__The records__:

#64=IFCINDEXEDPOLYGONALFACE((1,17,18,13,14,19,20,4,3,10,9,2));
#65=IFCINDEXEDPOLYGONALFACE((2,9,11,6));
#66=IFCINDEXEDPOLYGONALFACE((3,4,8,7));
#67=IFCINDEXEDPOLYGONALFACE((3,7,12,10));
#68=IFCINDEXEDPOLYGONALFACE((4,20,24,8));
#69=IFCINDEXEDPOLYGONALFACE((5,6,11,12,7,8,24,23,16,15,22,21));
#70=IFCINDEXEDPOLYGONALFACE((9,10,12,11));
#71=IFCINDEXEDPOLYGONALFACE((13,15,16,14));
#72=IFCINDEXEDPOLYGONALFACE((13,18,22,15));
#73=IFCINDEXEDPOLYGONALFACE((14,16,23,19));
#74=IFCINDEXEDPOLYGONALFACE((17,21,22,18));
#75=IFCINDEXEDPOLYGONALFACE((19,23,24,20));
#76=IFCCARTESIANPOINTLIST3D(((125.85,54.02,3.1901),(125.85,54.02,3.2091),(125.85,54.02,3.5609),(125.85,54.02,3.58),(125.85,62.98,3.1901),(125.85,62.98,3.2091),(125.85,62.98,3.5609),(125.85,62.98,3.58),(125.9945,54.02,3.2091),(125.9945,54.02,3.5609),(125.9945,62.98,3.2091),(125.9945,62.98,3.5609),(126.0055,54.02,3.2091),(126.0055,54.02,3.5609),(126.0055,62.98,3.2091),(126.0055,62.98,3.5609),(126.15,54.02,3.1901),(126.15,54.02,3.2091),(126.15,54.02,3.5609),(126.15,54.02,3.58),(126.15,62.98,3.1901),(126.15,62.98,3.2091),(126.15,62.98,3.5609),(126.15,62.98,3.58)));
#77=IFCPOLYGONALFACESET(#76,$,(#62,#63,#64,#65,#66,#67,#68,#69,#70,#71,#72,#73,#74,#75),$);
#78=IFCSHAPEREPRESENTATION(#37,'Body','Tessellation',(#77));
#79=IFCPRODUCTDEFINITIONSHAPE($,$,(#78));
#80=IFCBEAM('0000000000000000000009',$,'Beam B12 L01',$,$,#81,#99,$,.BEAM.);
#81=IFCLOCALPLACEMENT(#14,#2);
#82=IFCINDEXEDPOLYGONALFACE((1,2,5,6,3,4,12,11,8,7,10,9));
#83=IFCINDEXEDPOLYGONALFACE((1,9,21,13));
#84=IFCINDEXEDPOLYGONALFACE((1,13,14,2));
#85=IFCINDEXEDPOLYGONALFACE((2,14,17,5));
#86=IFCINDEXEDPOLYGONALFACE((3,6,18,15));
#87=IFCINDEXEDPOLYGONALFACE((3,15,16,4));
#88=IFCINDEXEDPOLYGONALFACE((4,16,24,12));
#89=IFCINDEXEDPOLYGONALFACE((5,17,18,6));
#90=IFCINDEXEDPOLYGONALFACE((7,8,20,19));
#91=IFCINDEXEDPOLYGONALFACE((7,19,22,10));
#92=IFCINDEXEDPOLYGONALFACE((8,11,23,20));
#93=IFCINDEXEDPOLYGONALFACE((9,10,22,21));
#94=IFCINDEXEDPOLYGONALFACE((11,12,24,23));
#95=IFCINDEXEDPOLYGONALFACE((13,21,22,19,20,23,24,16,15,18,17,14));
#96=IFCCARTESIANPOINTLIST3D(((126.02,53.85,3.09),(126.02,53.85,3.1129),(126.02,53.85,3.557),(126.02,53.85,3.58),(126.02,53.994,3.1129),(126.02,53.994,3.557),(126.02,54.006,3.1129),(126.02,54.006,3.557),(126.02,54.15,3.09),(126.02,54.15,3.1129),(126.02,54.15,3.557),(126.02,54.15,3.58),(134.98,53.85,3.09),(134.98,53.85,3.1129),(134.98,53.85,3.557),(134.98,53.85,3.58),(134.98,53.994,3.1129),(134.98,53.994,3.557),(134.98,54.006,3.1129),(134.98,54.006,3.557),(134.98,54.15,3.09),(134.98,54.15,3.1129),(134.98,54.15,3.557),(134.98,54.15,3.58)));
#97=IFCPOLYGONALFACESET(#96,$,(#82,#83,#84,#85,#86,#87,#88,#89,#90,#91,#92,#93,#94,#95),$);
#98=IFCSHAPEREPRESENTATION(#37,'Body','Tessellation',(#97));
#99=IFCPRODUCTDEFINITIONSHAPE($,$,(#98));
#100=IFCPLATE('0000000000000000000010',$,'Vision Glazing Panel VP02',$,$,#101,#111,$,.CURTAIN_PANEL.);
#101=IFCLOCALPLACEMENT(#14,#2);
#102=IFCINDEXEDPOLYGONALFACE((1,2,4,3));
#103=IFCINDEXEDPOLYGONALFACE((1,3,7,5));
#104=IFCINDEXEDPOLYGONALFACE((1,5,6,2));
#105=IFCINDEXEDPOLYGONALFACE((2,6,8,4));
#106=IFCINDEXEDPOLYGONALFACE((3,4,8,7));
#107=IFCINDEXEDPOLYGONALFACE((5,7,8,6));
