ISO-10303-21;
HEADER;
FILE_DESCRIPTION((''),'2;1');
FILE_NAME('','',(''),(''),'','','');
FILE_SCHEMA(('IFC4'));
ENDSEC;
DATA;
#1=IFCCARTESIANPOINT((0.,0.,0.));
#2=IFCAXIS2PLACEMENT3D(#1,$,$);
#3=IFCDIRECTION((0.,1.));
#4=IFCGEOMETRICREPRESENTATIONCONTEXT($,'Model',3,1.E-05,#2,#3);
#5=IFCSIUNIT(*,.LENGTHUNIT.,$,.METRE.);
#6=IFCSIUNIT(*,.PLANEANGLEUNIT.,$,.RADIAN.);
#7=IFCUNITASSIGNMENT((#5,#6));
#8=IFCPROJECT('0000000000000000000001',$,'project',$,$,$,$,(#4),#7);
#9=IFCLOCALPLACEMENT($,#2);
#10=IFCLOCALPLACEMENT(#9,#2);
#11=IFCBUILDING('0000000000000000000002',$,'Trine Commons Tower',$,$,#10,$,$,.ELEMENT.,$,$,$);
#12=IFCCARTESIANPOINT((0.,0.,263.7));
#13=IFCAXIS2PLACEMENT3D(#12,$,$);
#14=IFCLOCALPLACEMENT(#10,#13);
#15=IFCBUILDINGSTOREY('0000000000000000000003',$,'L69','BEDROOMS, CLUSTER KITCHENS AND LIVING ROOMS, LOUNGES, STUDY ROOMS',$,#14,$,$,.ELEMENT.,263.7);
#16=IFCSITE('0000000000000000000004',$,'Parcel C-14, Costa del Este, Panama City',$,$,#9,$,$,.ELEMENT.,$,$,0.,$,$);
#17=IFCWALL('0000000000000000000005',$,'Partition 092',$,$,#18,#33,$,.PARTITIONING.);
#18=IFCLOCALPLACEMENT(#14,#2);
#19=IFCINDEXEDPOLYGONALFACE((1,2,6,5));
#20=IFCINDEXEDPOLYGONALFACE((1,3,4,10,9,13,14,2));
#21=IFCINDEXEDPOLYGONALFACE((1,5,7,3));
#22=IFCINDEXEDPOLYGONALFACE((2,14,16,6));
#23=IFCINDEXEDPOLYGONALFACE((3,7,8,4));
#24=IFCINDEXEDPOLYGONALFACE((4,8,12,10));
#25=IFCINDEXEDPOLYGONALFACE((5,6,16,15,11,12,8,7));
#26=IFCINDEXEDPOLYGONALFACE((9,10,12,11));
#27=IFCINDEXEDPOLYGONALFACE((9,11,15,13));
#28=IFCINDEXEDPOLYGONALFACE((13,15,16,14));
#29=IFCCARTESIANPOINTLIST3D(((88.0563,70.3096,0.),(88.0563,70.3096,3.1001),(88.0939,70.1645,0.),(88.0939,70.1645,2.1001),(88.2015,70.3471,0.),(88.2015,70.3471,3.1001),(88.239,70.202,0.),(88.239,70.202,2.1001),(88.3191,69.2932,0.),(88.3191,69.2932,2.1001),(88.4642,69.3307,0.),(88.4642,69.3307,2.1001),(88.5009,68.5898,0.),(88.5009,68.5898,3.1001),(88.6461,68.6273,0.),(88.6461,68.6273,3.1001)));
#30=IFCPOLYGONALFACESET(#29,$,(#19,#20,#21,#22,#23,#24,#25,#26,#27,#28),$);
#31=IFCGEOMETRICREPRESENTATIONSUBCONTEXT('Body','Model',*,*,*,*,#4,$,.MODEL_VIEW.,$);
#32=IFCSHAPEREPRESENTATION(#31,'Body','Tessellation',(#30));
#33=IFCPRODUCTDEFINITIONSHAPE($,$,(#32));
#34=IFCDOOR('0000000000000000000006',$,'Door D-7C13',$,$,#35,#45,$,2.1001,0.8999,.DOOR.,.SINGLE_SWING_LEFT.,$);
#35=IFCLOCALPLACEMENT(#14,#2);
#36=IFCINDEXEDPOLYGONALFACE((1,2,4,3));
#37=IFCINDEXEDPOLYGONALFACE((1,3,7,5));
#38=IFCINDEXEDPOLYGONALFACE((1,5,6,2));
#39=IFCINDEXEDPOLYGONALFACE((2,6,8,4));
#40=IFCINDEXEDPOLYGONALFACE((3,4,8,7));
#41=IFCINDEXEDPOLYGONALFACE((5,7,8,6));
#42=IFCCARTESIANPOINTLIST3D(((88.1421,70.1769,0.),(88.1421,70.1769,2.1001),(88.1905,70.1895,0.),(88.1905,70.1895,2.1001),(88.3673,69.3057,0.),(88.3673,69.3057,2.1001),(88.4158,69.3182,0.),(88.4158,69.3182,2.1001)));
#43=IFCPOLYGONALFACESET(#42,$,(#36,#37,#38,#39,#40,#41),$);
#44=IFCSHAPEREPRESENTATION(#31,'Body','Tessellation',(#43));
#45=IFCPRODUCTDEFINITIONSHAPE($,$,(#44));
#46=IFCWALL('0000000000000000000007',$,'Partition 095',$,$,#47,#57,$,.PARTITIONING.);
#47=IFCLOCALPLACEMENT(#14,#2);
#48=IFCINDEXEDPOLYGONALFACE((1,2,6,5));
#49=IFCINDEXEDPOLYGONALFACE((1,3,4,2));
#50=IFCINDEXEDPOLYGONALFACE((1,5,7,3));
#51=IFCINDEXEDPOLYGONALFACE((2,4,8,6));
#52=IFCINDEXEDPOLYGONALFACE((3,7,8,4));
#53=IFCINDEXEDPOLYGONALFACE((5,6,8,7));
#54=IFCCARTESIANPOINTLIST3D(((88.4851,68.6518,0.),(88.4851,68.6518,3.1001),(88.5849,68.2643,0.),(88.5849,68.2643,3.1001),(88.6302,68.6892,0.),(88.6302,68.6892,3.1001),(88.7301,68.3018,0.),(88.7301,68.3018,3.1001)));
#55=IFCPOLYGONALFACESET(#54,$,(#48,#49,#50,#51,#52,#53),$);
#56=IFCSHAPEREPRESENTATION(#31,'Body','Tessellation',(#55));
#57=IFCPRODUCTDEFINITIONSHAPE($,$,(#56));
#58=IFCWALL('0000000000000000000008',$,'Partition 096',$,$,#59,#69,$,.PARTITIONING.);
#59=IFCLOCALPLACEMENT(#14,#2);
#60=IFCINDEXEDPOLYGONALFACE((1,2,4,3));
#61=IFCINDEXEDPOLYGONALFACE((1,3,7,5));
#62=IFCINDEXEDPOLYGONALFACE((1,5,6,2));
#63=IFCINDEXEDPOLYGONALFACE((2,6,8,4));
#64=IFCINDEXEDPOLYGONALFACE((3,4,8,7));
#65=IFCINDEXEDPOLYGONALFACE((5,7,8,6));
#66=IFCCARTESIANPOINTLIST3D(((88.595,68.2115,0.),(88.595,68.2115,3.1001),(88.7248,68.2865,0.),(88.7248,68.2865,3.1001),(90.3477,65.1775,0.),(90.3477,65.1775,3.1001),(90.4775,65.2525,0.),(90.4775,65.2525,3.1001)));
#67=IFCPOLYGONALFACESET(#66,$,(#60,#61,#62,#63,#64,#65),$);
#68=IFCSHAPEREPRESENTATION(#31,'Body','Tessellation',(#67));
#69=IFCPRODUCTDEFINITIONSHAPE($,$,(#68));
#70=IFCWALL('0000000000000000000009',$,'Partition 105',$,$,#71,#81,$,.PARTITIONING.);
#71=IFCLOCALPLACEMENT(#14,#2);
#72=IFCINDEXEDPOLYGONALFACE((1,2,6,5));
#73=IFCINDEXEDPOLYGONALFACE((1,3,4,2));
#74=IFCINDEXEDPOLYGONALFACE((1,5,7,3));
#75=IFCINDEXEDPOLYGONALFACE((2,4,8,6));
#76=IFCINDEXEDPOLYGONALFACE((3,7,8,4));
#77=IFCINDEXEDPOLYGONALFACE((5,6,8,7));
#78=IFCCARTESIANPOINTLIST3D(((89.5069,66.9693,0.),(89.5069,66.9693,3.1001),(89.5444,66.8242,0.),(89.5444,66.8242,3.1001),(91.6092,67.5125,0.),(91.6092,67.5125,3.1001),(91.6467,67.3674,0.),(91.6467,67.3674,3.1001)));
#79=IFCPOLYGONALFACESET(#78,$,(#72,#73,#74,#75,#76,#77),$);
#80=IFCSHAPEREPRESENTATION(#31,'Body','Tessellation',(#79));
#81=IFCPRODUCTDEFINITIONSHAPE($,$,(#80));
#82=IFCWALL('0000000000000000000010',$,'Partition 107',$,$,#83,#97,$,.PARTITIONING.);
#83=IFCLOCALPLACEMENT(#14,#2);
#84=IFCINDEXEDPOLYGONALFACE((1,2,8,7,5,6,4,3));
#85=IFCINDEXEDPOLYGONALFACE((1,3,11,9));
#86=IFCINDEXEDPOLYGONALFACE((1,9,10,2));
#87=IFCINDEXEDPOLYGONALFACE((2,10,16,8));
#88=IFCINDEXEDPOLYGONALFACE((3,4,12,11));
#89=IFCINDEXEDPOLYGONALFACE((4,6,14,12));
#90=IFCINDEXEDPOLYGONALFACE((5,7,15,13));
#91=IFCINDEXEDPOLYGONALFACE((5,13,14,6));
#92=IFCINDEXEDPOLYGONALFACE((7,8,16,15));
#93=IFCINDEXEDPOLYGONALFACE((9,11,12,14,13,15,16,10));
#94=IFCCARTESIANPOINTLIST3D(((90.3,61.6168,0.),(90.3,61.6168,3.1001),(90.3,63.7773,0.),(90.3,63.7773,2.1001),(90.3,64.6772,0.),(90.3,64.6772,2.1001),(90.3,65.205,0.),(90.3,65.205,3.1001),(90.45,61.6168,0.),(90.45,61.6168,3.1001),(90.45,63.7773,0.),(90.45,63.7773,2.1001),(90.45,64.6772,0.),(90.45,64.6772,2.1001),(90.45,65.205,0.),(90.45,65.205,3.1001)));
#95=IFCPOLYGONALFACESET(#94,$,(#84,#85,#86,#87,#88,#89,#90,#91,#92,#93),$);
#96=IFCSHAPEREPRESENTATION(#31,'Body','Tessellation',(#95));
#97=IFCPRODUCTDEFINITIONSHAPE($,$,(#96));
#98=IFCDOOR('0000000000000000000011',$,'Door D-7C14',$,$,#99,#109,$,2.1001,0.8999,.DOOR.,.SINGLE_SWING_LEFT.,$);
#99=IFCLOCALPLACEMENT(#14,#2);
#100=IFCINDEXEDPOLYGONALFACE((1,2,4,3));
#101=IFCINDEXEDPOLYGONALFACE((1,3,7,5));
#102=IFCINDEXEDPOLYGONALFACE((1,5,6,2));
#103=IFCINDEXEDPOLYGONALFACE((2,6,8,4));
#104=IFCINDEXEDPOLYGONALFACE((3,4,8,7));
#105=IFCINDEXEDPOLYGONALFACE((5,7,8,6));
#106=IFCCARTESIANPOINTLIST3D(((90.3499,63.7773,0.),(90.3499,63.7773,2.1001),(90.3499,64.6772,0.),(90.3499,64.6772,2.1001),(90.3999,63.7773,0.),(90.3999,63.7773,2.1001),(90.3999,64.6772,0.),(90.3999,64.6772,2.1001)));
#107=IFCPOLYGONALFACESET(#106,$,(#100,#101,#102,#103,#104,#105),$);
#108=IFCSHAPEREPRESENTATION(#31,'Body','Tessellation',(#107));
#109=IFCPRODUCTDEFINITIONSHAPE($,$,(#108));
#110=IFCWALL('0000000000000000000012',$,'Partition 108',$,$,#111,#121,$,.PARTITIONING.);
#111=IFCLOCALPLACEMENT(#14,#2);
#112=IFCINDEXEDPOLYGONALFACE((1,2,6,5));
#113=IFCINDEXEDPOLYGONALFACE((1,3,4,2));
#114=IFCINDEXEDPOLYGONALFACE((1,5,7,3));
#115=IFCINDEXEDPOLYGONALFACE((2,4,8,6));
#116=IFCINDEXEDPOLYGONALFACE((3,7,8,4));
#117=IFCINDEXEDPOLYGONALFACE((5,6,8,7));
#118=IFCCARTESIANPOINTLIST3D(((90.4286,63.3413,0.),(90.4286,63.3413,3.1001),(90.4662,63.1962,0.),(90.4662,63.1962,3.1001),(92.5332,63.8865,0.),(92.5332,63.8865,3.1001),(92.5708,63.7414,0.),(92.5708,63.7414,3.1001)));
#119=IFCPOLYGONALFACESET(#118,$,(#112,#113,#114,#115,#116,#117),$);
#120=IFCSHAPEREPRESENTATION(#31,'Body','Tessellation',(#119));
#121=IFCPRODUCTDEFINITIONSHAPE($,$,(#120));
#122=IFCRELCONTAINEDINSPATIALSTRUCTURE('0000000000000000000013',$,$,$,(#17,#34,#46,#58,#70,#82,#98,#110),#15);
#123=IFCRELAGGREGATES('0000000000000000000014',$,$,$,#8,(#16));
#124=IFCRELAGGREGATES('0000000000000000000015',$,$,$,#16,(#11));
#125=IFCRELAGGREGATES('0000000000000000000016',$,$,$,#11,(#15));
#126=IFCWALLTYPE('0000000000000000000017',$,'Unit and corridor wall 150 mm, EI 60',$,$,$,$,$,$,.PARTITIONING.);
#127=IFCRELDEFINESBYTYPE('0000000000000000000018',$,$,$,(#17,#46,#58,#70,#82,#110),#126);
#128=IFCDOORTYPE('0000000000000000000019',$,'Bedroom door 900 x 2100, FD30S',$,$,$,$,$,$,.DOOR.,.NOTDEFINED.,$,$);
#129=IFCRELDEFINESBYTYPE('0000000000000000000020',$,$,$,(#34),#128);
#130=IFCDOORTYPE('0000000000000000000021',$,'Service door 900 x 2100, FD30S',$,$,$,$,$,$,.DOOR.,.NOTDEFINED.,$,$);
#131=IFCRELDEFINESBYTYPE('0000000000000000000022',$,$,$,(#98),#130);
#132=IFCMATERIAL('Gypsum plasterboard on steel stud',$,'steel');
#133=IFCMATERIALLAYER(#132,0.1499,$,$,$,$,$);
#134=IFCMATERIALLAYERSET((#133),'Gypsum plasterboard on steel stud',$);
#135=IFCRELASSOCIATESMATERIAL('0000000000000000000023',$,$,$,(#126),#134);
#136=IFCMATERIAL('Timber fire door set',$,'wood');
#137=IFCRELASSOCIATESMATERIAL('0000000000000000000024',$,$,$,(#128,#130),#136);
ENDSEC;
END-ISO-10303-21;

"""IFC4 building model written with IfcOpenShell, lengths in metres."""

from ifc_helpers import new_model, si_unit, direction, frame, frame_2d, origin, place, context, subcontext, project, spatial, rectangle, extrude, material, layer, layer_set, type_object, element, fill, save


model = new_model("IFC4")

# Units and contexts
model_context = context("Model", 3, precision=1e-05, world=origin(), true_north=direction((0.0, 1.0)))
body_context = subcontext(model_context, "Body", "Model", "MODEL_VIEW")
ifc_project = project(units=[si_unit("LENGTHUNIT", "METRE"), si_unit("PLANEANGLEUNIT", "RADIAN")], contexts=[model_context])

# Site, building, storey
site_placement = place(None, origin())
site = spatial("IfcSite", under=ifc_project, at=site_placement, Name="Parcel C-14, Costa del Este, Panama City", CompositionType="ELEMENT", RefElevation=0.0)
building_placement = place(site_placement, origin())
building = spatial("IfcBuilding", under=site, at=building_placement, Name="Trine Commons Tower", CompositionType="ELEMENT")
storey_placement = place(building_placement, frame((0.0, 0.0, 263.7)))
storey = spatial("IfcBuildingStorey", under=building, at=storey_placement, Name="L69", Description="BEDROOMS, CLUSTER KITCHENS AND LIVING ROOMS, LOUNGES, STUDY ROOMS", CompositionType="ELEMENT", Elevation=263.7)

# Shared definitions
ifc_material_1 = material(Name="Gypsum plasterboard on steel stud", Category="steel")
ifc_layer_1 = layer(ifc_material_1, 0.1499)
ifc_layer_set_1 = layer_set([ifc_layer_1], Name="Gypsum plasterboard on steel stud")
wall_type_1 = type_object("IfcWallType", Name="Unit and corridor wall 150 mm, EI 60", PredefinedType="PARTITIONING", material=ifc_layer_set_1)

__Try it__: Start at the first line of the data above. Stop after the line containing "#72=IFCINDEXEDPOLYGONALFACE((13,18,22,15));", reproducing each line exactly and adding nothing.

__Expected answer__:
#64=IFCINDEXEDPOLYGONALFACE((1,17,18,13,14,19,20,4,3,10,9,2));
#65=IFCINDEXEDPOLYGONALFACE((2,9,11,6));
#66=IFCINDEXEDPOLYGONALFACE((3,4,8,7));
#67=IFCINDEXEDPOLYGONALFACE((3,7,12,10));
#68=IFCINDEXEDPOLYGONALFACE((4,20,24,8));
#69=IFCINDEXEDPOLYGONALFACE((5,6,11,12,7,8,24,23,16,15,22,21));
#70=IFCINDEXEDPOLYGONALFACE((9,10,12,11));
#71=IFCINDEXEDPOLYGONALFACE((13,15,16,14));
#72=IFCINDEXEDPOLYGONALFACE((13,18,22,15));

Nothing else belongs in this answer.